● EXERCISE PROMPT: Go over the data and copy out each line with "SPANDREL" in it.

● SOURCE DATA:
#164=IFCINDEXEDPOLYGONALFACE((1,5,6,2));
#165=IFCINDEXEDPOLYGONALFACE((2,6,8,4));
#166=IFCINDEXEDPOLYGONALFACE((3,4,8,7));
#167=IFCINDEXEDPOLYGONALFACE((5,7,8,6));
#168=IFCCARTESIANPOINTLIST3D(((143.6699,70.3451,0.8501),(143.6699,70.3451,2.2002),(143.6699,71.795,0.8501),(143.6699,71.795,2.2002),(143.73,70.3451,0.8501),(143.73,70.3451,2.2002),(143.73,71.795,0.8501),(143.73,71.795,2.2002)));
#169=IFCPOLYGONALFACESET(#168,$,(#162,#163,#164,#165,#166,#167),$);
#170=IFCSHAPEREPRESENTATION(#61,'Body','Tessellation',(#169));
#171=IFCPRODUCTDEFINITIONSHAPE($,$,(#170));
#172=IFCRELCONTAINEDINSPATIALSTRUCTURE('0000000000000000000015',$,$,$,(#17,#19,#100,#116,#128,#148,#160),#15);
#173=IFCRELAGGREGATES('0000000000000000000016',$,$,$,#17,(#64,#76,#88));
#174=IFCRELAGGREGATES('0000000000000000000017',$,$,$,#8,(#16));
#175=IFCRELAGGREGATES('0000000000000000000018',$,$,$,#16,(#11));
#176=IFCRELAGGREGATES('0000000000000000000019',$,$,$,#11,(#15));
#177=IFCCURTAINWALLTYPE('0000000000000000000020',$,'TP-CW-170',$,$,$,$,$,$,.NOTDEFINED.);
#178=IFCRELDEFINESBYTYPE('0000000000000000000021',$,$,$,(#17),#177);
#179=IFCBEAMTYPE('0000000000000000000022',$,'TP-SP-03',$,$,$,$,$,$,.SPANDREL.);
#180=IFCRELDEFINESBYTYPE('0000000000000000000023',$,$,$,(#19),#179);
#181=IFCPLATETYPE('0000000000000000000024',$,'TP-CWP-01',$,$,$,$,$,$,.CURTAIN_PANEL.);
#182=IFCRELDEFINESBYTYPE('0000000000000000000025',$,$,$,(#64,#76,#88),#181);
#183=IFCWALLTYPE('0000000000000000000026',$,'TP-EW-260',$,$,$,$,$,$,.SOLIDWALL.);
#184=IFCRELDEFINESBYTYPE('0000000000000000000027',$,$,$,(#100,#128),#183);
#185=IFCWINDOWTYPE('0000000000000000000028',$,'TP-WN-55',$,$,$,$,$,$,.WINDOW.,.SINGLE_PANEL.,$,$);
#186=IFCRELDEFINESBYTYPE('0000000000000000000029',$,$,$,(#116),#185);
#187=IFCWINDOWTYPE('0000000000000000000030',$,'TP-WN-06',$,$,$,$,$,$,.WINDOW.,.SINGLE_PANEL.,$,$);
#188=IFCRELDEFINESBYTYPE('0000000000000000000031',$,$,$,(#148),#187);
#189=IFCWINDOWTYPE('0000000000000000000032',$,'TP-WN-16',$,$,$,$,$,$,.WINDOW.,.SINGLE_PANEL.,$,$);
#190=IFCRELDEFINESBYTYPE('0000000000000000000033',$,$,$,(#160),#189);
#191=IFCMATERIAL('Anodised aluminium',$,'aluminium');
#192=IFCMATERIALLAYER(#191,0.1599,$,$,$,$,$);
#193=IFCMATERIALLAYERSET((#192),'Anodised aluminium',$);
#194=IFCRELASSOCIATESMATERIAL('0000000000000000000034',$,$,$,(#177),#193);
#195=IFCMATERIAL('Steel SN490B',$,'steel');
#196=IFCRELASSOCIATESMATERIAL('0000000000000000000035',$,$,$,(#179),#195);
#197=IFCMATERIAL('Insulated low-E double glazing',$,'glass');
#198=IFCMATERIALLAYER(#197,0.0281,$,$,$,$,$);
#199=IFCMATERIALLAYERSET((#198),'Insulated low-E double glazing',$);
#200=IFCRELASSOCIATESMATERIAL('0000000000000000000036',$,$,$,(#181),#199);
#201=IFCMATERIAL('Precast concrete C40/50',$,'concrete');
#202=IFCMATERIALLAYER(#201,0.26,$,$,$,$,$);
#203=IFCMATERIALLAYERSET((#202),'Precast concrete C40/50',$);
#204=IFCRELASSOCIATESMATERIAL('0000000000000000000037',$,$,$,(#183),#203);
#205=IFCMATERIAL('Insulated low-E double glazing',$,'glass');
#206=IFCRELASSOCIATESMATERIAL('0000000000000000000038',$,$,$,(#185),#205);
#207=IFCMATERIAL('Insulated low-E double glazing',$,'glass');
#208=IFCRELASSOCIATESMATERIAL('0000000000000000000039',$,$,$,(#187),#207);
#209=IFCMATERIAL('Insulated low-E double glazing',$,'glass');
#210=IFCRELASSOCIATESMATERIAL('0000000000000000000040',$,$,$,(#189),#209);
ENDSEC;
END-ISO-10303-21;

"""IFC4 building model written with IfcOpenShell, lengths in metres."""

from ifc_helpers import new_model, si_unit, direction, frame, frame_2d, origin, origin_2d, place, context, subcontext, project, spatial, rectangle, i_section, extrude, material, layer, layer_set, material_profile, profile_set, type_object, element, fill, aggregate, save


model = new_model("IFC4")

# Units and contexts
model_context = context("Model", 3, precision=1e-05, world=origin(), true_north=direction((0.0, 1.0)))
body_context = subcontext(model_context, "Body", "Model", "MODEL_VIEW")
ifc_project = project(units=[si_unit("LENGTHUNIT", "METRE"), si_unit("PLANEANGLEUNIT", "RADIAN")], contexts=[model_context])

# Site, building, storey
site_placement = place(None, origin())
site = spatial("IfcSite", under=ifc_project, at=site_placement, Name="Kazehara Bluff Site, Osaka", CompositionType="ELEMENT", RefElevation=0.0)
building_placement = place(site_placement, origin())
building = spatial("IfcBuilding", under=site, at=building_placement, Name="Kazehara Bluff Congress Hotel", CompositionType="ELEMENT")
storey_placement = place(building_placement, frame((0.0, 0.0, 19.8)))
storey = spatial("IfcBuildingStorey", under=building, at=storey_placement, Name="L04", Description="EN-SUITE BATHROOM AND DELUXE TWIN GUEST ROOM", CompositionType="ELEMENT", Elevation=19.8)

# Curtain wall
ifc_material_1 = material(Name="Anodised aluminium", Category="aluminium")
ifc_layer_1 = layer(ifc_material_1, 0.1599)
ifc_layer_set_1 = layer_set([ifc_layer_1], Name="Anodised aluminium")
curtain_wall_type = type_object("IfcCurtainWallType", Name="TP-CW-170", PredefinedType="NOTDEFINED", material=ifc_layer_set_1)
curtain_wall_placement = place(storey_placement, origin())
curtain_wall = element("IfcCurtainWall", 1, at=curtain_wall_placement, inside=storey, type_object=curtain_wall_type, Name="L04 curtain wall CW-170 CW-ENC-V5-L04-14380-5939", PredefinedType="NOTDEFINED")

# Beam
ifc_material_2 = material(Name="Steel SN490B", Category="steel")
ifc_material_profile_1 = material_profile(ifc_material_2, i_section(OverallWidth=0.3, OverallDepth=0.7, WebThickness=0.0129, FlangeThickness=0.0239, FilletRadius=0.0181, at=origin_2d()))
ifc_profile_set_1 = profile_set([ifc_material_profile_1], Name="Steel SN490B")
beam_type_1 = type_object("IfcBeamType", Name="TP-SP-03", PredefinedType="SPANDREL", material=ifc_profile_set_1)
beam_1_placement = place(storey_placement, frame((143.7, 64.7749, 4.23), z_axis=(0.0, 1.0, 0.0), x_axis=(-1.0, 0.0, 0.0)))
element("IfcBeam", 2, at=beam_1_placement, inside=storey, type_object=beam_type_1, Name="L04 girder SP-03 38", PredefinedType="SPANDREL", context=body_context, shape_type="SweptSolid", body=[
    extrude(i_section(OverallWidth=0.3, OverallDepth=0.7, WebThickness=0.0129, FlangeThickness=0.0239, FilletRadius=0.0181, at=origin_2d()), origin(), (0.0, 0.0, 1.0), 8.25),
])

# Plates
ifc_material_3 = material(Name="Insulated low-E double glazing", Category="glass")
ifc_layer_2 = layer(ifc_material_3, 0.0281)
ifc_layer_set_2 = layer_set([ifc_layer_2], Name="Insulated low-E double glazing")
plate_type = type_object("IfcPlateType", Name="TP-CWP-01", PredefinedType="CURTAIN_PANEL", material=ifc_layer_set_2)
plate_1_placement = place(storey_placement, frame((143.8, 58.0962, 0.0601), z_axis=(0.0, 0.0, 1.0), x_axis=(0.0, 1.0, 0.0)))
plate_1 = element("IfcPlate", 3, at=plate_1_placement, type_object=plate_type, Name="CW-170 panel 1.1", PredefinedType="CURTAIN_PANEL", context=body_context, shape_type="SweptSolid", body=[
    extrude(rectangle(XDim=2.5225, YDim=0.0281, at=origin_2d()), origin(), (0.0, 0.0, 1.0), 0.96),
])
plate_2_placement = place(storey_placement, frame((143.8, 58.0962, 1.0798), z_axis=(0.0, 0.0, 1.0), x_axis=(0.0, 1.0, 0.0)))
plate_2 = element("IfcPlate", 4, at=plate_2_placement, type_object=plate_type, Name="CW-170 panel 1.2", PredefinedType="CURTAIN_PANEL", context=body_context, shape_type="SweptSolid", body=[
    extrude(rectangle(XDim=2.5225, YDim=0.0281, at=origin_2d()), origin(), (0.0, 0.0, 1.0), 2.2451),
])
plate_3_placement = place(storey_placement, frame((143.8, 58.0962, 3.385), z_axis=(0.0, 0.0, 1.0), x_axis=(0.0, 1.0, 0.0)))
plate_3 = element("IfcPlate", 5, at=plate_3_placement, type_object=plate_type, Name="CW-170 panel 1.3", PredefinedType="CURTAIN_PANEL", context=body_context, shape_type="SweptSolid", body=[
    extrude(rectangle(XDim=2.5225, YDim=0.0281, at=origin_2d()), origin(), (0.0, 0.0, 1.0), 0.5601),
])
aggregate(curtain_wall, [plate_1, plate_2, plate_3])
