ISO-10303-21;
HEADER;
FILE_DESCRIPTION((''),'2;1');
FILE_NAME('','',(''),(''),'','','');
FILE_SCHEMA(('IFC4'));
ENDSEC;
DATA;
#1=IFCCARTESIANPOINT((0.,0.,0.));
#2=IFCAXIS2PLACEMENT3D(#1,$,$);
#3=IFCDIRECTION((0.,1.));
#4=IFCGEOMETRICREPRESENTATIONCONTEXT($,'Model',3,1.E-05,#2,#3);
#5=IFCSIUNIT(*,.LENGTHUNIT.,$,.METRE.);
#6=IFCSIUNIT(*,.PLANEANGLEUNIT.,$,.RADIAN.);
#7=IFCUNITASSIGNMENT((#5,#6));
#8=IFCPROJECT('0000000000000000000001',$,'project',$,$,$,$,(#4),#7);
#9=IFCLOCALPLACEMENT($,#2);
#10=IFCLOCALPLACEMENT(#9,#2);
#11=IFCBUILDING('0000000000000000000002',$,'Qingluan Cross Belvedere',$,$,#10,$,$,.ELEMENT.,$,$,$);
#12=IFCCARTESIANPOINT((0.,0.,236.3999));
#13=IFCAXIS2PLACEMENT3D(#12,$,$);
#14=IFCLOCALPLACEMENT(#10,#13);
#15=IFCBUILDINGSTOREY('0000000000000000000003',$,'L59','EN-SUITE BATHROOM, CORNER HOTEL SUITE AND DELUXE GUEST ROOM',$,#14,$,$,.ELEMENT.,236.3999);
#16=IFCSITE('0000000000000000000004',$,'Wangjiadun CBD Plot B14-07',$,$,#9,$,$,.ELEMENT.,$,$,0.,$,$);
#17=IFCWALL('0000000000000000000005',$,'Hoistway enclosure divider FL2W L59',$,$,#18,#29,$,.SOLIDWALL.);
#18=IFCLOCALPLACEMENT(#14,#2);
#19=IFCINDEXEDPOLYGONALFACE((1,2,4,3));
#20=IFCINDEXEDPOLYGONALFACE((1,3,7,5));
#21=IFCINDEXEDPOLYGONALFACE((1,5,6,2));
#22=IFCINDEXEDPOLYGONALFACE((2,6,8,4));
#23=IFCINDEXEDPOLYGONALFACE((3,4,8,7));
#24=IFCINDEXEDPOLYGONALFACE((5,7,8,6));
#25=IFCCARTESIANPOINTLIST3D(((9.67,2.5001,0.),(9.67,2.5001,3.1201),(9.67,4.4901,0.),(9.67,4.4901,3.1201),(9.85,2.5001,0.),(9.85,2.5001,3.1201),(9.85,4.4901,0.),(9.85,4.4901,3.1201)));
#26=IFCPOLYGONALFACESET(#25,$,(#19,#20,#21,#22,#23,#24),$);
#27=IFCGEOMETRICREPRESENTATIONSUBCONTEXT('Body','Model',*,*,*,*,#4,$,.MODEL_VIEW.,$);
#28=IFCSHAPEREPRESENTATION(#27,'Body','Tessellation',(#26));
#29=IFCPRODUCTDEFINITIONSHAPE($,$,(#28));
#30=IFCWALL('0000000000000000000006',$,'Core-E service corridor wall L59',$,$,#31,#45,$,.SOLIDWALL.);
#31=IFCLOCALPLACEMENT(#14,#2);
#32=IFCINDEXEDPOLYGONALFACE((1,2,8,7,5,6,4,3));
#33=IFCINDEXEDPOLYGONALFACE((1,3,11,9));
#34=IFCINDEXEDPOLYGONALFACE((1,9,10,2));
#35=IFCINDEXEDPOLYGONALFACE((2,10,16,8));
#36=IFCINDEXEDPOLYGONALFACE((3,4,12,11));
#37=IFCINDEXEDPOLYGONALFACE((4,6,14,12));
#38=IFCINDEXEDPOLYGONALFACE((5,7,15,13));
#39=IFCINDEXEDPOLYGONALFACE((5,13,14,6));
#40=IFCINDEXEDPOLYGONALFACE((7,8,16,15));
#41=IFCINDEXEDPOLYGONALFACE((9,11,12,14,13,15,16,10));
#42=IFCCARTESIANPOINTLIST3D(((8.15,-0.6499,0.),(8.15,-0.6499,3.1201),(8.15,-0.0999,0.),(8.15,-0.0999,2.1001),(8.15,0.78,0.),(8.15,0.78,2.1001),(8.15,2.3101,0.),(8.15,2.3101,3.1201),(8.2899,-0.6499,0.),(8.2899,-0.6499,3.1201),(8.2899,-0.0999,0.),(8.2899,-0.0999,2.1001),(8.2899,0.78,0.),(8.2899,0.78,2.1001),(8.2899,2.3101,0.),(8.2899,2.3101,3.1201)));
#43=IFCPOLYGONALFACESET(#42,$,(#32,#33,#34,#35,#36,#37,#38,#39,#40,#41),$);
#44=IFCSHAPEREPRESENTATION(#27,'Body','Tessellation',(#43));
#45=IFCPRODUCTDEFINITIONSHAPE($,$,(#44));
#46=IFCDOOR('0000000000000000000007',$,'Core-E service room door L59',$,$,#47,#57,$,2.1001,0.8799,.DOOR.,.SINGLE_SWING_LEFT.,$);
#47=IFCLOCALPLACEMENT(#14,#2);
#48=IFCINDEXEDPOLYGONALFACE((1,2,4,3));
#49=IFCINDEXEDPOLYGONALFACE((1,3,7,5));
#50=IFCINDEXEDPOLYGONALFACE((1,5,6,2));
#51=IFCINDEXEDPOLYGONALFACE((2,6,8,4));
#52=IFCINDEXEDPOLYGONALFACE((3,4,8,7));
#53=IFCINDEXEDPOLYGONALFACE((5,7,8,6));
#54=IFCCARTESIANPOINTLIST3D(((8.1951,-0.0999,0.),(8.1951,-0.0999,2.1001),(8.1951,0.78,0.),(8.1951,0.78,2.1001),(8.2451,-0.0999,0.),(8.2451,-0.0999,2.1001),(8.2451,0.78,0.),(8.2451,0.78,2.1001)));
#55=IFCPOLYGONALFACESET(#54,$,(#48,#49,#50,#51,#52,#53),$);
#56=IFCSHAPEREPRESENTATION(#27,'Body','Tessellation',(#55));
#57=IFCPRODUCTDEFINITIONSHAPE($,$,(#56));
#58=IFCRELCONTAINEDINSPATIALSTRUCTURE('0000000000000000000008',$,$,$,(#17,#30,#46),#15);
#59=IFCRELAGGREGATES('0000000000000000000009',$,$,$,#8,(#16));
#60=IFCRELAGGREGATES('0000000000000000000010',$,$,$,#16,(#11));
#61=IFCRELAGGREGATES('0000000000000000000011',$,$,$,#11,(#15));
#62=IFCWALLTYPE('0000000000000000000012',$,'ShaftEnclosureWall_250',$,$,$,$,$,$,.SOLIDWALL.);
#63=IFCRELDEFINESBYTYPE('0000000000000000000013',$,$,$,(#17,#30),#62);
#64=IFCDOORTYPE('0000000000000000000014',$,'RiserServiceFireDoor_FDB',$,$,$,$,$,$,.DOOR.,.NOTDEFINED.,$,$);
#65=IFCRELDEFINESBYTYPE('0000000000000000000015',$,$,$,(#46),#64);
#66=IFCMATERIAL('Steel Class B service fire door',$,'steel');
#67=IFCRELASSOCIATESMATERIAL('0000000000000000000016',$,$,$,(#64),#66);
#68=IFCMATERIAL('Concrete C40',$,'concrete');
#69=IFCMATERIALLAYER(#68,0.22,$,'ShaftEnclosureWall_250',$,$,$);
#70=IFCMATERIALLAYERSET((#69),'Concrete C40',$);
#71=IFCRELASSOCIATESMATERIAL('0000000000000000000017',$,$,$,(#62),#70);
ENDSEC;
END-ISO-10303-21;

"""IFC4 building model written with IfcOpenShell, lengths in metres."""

from ifc_helpers import new_model, si_unit, direction, frame, frame_2d, origin, place, context, subcontext, project, spatial, rectangle, extrude, material, layer, layer_set, type_object, element, fill, save


model = new_model("IFC4")

# Units and contexts
model_context = context("Model", 3, precision=1e-05, world=origin(), true_north=direction((0.0, 1.0)))
body_context = subcontext(model_context, "Body", "Model", "MODEL_VIEW")
ifc_project = project(units=[si_unit("LENGTHUNIT", "METRE"), si_unit("PLANEANGLEUNIT", "RADIAN")], contexts=[model_context])

# Site, building, storey
site_placement = place(None, origin())
site = spatial("IfcSite", under=ifc_project, at=site_placement, Name="Wangjiadun CBD Plot B14-07", CompositionType="ELEMENT", RefElevation=0.0)
building_placement = place(site_placement, origin())
building = spatial("IfcBuilding", under=site, at=building_placement, Name="Qingluan Cross Belvedere", CompositionType="ELEMENT")
storey_placement = place(building_placement, frame((0.0, 0.0, 236.3999)))
storey = spatial("IfcBuildingStorey", under=building, at=storey_placement, Name="L59", Description="EN-SUITE BATHROOM, CORNER HOTEL SUITE AND DELUXE GUEST ROOM", CompositionType="ELEMENT", Elevation=236.3999)

# Shared definitions
ifc_material_1 = material(Name="Steel Class B service fire door", Category="steel")
door_type_1 = type_object("IfcDoorType", Name="RiserServiceFireDoor_FDB", OperationType="NOTDEFINED", PredefinedType="DOOR", material=ifc_material_1)

# Shared definitions
ifc_material_2 = material(Name="Concrete C40", Category="concrete")
ifc_layer_1 = layer(ifc_material_2, 0.22, Name="ShaftEnclosureWall_250")
ifc_layer_set_1 = layer_set([ifc_layer_1], Name="Concrete C40")
wall_type_1 = type_object("IfcWallType", Name="ShaftEnclosureWall_250", PredefinedType="SOLIDWALL", material=ifc_layer_set_1)

# Wall
wall_1_placement = place(storey_placement, frame((9.76, 2.5, 0.0), z_axis=(0.0, 0.0, 1.0), x_axis=(0.0, 1.0, 0.0)))
element("IfcWall", 1, at=wall_1_placement, inside=storey, type_object=wall_type_1, Name="Hoistway enclosure divider FL2W L59", PredefinedType="SOLIDWALL", context=body_context, shape_type="SweptSolid", body=[
    extrude(rectangle(XDim=1.99, YDim=0.1799, at=frame_2d((0.9951, 0.0))), origin(), (0.0, 0.0, 1.0), 3.1201),
])

# Wall, opening, door
wall_2_placement = place(storey_placement, frame((8.22, -0.6499, 0.0), z_axis=(0.0, 0.0, 1.0), x_axis=(0.0, 1.0, 0.0)))
wall_2 = element("IfcWall", 2, at=wall_2_placement, inside=storey, type_object=wall_type_1, Name="Core-E service corridor wall L59", PredefinedType="SOLIDWALL", context=body_context, shape_type="SweptSolid", body=[
    extrude(rectangle(XDim=2.96, YDim=0.1399, at=frame_2d((1.48, 0.0))), origin(), (0.0, 0.0, 1.0), 3.1201),
])
opening_1_placement = place(wall_2_placement, frame((0.55, 0.0, 0.0)))
opening_1 = element("IfcOpeningElement", 3, at=opening_1_placement, cuts=wall_2, PredefinedType="OPENING", context=body_context, shape_type="SweptSolid", body=[
    extrude(rectangle(XDim=0.8799, YDim=2.1001, at=frame_2d((0.4399, 1.05))), frame((0.0, 0.0798, 0.0), z_axis=(0.0, -1.0, 0.0), x_axis=(1.0, 0.0, 0.0)), (0.0, 0.0, 1.0), 0.1599),
])
door_1_placement = place(opening_1_placement, origin())
door_1 = element("IfcDoor", 4, at=door_1_placement, inside=storey, type_object=door_type_1, Name="Core-E service room door L59", OperationType="SINGLE_SWING_LEFT", OverallHeight=2.1001, OverallWidth=0.8799, PredefinedType="DOOR", context=body_context, shape_type="SweptSolid", body=[
    extrude(rectangle(XDim=0.8799, YDim=2.1001, at=frame_2d((0.4399, 1.05))), frame((0.0, 0.0249, 0.0), z_axis=(0.0, -1.0, 0.0), x_axis=(1.0, 0.0, 0.0)), (0.0, 0.0, 1.0), 0.05),
])
fill(opening_1, door_1)

save(model, "model.ifc")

● REPLY:
#179=IFCBEAMTYPE('0000000000000000000022',$,'TP-SP-03',$,$,$,$,$,$,.SPANDREL.);
beam_type_1 = type_object("IfcBeamType", Name="TP-SP-03", PredefinedType="SPANDREL", material=ifc_profile_set_1)
element("IfcBeam", 2, at=beam_1_placement, inside=storey, type_object=beam_type_1, Name="L04 girder SP-03 38", PredefinedType="SPANDREL", context=body_context, shape_type="SweptSolid", body=[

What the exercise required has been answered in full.